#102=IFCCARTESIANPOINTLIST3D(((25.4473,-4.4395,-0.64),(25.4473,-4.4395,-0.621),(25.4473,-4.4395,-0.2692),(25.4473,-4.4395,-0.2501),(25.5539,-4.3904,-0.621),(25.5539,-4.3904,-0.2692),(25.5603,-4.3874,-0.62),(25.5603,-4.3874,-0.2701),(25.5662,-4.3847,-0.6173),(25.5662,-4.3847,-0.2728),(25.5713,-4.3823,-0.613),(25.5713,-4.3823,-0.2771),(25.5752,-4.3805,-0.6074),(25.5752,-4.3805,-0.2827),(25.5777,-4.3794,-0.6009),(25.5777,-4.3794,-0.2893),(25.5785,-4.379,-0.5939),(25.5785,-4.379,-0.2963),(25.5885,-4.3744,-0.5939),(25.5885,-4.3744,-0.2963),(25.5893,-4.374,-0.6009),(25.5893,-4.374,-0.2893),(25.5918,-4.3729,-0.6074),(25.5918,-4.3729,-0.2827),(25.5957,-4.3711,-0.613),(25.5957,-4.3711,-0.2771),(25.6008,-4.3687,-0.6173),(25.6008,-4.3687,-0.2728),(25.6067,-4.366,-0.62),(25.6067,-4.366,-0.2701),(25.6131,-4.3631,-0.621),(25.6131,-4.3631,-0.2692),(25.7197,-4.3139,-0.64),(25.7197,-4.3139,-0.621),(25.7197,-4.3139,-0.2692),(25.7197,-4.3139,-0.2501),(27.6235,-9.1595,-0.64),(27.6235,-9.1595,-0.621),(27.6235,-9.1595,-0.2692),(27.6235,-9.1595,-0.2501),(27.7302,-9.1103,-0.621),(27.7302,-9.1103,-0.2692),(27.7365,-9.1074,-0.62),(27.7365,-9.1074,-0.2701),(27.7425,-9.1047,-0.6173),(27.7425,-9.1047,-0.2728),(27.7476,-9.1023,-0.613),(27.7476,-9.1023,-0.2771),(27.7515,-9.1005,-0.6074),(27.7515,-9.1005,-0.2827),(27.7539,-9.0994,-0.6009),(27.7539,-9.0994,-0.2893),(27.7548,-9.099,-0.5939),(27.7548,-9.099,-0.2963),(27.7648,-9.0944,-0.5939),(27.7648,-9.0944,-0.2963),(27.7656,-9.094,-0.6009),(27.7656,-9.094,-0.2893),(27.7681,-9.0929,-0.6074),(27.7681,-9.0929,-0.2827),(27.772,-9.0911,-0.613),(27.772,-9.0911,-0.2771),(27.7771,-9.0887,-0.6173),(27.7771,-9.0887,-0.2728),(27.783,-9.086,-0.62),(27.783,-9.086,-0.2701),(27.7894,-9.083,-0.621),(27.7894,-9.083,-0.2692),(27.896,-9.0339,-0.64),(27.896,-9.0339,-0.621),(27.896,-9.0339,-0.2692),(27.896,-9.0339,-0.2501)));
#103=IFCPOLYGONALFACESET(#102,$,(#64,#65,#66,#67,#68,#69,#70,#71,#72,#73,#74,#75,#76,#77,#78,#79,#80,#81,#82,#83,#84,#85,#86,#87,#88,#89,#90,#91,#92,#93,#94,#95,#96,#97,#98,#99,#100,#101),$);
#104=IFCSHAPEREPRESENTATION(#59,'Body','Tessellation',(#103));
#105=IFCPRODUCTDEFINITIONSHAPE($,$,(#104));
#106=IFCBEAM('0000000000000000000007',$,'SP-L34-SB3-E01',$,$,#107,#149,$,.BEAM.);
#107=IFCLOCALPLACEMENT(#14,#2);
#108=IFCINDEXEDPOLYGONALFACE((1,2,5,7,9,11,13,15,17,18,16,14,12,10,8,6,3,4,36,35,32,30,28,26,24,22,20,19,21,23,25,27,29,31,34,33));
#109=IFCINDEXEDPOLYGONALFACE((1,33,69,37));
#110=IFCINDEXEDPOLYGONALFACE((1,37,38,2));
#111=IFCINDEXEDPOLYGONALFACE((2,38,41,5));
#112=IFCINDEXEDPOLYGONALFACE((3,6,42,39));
--
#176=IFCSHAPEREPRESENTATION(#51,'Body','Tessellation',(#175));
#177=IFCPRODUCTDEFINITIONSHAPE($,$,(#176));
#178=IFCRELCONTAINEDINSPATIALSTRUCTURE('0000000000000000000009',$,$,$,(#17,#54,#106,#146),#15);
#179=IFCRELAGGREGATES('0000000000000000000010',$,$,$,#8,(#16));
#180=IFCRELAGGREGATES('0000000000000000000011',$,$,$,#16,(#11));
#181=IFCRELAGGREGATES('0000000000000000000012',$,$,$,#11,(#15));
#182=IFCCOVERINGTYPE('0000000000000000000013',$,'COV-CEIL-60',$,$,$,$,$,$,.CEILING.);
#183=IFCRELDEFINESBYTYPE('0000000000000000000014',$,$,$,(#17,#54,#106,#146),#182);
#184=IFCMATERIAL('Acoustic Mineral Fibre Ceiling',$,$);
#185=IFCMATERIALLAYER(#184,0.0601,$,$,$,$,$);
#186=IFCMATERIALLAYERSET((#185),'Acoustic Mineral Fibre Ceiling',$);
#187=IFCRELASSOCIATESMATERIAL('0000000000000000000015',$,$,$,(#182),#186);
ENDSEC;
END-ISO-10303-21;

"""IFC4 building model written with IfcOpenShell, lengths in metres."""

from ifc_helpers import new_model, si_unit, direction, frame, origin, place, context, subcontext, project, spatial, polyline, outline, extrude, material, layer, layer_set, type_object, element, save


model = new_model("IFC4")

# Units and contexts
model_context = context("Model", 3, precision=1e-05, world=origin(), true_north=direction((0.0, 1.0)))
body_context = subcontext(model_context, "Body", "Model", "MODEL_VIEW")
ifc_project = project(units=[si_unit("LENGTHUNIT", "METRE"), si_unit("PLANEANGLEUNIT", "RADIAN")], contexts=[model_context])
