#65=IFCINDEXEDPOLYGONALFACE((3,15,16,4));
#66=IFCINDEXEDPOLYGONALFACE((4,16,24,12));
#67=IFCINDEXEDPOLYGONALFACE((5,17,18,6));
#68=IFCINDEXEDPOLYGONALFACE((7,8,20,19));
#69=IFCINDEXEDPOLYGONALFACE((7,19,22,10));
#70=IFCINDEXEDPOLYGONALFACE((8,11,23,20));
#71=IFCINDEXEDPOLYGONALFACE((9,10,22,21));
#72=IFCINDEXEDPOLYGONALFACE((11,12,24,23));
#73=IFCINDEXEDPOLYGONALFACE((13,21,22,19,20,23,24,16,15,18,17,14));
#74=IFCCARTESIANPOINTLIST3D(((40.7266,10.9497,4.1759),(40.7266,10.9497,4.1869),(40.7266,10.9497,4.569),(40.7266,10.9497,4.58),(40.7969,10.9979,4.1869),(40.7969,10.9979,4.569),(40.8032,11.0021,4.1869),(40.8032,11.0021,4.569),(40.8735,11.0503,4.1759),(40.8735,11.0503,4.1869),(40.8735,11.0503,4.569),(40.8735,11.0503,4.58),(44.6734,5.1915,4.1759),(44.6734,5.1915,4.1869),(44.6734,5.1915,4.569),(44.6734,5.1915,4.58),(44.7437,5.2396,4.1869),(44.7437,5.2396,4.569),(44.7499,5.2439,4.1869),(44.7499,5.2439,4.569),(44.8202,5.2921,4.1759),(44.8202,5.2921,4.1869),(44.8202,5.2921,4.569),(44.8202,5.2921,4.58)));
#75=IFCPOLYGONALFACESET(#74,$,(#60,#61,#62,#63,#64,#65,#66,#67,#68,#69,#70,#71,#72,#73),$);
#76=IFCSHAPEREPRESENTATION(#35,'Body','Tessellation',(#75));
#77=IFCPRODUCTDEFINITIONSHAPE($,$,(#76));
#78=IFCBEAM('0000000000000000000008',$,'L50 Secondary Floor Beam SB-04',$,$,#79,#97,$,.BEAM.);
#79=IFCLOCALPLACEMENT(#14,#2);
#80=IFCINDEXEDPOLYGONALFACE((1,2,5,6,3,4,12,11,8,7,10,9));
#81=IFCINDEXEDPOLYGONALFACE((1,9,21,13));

[Work instructions] Tell how many lines in the material contain the word "subcontext". Only the number is wanted.

[Answer section] 2